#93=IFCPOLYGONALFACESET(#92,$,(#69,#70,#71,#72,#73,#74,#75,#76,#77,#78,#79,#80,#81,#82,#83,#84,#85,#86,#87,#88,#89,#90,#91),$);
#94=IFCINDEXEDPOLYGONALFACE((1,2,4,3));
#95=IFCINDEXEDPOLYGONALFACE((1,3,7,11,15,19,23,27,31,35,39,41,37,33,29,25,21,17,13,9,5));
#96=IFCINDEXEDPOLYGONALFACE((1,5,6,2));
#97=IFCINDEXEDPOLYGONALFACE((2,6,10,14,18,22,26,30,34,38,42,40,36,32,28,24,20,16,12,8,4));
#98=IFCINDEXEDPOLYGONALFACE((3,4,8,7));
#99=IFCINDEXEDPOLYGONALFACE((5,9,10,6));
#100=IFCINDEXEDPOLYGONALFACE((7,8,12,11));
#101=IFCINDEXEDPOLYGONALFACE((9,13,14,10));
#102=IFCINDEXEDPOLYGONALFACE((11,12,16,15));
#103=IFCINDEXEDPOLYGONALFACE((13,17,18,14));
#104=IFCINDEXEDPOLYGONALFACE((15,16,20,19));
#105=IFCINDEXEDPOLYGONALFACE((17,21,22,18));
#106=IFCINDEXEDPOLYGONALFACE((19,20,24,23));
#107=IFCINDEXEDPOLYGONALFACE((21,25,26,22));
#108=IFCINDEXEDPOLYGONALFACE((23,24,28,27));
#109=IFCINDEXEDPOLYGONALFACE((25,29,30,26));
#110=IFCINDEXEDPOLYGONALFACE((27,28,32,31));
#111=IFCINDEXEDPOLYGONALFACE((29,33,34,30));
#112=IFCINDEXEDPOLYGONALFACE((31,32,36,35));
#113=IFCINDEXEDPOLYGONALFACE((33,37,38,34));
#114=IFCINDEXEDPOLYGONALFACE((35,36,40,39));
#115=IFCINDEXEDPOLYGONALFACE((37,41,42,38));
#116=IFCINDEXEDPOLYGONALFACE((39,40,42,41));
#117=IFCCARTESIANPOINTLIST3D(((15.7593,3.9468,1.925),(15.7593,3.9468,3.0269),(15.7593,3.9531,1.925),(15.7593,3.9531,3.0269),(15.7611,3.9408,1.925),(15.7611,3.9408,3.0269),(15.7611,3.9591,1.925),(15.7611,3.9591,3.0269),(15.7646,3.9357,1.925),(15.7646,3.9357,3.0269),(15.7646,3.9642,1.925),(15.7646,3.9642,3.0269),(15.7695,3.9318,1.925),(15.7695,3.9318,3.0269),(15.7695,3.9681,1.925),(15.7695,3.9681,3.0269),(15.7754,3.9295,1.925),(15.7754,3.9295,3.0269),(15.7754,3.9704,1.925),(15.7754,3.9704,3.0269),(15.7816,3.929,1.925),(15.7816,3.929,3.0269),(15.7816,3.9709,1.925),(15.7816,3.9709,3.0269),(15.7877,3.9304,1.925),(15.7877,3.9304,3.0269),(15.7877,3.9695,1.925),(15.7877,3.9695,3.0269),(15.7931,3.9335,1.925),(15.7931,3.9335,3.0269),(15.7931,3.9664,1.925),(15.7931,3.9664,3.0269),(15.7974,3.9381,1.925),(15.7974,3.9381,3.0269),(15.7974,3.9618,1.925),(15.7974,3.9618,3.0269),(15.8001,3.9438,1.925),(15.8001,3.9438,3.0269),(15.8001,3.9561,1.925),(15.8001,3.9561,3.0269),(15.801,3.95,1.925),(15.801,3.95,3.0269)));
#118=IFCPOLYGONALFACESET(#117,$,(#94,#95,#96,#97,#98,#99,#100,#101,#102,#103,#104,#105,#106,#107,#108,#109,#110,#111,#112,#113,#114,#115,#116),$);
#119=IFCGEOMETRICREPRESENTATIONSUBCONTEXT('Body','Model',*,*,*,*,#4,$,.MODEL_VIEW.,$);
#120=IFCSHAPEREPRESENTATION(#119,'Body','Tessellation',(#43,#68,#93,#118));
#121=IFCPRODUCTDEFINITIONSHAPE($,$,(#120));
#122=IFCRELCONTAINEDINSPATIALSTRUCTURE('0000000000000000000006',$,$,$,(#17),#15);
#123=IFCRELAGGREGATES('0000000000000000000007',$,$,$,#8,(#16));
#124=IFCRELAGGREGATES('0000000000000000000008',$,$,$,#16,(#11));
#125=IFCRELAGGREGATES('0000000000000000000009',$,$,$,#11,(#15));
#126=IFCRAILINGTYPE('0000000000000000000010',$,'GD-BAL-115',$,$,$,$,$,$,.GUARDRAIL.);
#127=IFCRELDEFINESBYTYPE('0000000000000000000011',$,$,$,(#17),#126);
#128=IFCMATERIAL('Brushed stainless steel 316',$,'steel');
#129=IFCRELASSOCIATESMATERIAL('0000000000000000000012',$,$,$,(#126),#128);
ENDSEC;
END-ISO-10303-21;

◆ WHAT YOU HAVE TO DO
Each line of the data above needs to be returned exactly.

◆ EXERCISE SOLUTION
#93=IFCPOLYGONALFACESET(#92,$,(#69,#70,#71,#72,#73,#74,#75,#76,#77,#78,#79,#80,#81,#82,#83,#84,#85,#86,#87,#88,#89,#90,#91),$);
#94=IFCINDEXEDPOLYGONALFACE((1,2,4,3));
#95=IFCINDEXEDPOLYGONALFACE((1,3,7,11,15,19,23,27,31,35,39,41,37,33,29,25,21,17,13,9,5));
#96=IFCINDEXEDPOLYGONALFACE((1,5,6,2));
#97=IFCINDEXEDPOLYGONALFACE((2,6,10,14,18,22,26,30,34,38,42,40,36,32,28,24,20,16,12,8,4));
#98=IFCINDEXEDPOLYGONALFACE((3,4,8,7));
#99=IFCINDEXEDPOLYGONALFACE((5,9,10,6));
#100=IFCINDEXEDPOLYGONALFACE((7,8,12,11));
#101=IFCINDEXEDPOLYGONALFACE((9,13,14,10));
#102=IFCINDEXEDPOLYGONALFACE((11,12,16,15));
#103=IFCINDEXEDPOLYGONALFACE((13,17,18,14));
#104=IFCINDEXEDPOLYGONALFACE((15,16,20,19));
#105=IFCINDEXEDPOLYGONALFACE((17,21,22,18));
#106=IFCINDEXEDPOLYGONALFACE((19,20,24,23));
#107=IFCINDEXEDPOLYGONALFACE((21,25,26,22));
#108=IFCINDEXEDPOLYGONALFACE((23,24,28,27));
#109=IFCINDEXEDPOLYGONALFACE((25,29,30,26));
#110=IFCINDEXEDPOLYGONALFACE((27,28,32,31));
#111=IFCINDEXEDPOLYGONALFACE((29,33,34,30));
#112=IFCINDEXEDPOLYGONALFACE((31,32,36,35));
#113=IFCINDEXEDPOLYGONALFACE((33,37,38,34));
#114=IFCINDEXEDPOLYGONALFACE((35,36,40,39));
#115=IFCINDEXEDPOLYGONALFACE((37,41,42,38));
#116=IFCINDEXEDPOLYGONALFACE((39,40,42,41));
#117=IFCCARTESIANPOINTLIST3D(((15.7593,3.9468,1.925),(15.7593,3.9468,3.0269),(15.7593,3.9531,1.925),(15.7593,3.9531,3.0269),(15.7611,3.9408,1.925),(15.7611,3.9408,3.0269),(15.7611,3.9591,1.925),(15.7611,3.9591,3.0269),(15.7646,3.9357,1.925),(15.7646,3.9357,3.0269),(15.7646,3.9642,1.925),(15.7646,3.9642,3.0269),(15.7695,3.9318,1.925),(15.7695,3.9318,3.0269),(15.7695,3.9681,1.925),(15.7695,3.9681,3.0269),(15.7754,3.9295,1.925),(15.7754,3.9295,3.0269),(15.7754,3.9704,1.925),(15.7754,3.9704,3.0269),(15.7816,3.929,1.925),(15.7816,3.929,3.0269),(15.7816,3.9709,1.925),(15.7816,3.9709,3.0269),(15.7877,3.9304,1.925),(15.7877,3.9304,3.0269),(15.7877,3.9695,1.925),(15.7877,3.9695,3.0269),(15.7931,3.9335,1.925),(15.7931,3.9335,3.0269),(15.7931,3.9664,1.925),(15.7931,3.9664,3.0269),(15.7974,3.9381,1.925),(15.7974,3.9381,3.0269),(15.7974,3.9618,1.925),(15.7974,3.9618,3.0269),(15.8001,3.9438,1.925),(15.8001,3.9438,3.0269),(15.8001,3.9561,1.925),(15.8001,3.9561,3.0269),(15.801,3.95,1.925),(15.801,3.95,3.0269)));
#118=IFCPOLYGONALFACESET(#117,$,(#94,#95,#96,#97,#98,#99,#100,#101,#102,#103,#104,#105,#106,#107,#108,#109,#110,#111,#112,#113,#114,#115,#116),$);
#119=IFCGEOMETRICREPRESENTATIONSUBCONTEXT('Body','Model',*,*,*,*,#4,$,.MODEL_VIEW.,$);
#120=IFCSHAPEREPRESENTATION(#119,'Body','Tessellation',(#43,#68,#93,#118));
#121=IFCPRODUCTDEFINITIONSHAPE($,$,(#120));
#122=IFCRELCONTAINEDINSPATIALSTRUCTURE('0000000000000000000006',$,$,$,(#17),#15);
#123=IFCRELAGGREGATES('0000000000000000000007',$,$,$,#8,(#16));
#124=IFCRELAGGREGATES('0000000000000000000008',$,$,$,#16,(#11));
#125=IFCRELAGGREGATES('0000000000000000000009',$,$,$,#11,(#15));
#126=IFCRAILINGTYPE('0000000000000000000010',$,'GD-BAL-115',$,$,$,$,$,$,.GUARDRAIL.);
#127=IFCRELDEFINESBYTYPE('0000000000000000000011',$,$,$,(#17),#126);
#128=IFCMATERIAL('Brushed stainless steel 316',$,'steel');
#129=IFCRELASSOCIATESMATERIAL('0000000000000000000012',$,$,$,(#126),#128);
ENDSEC;
END-ISO-10303-21;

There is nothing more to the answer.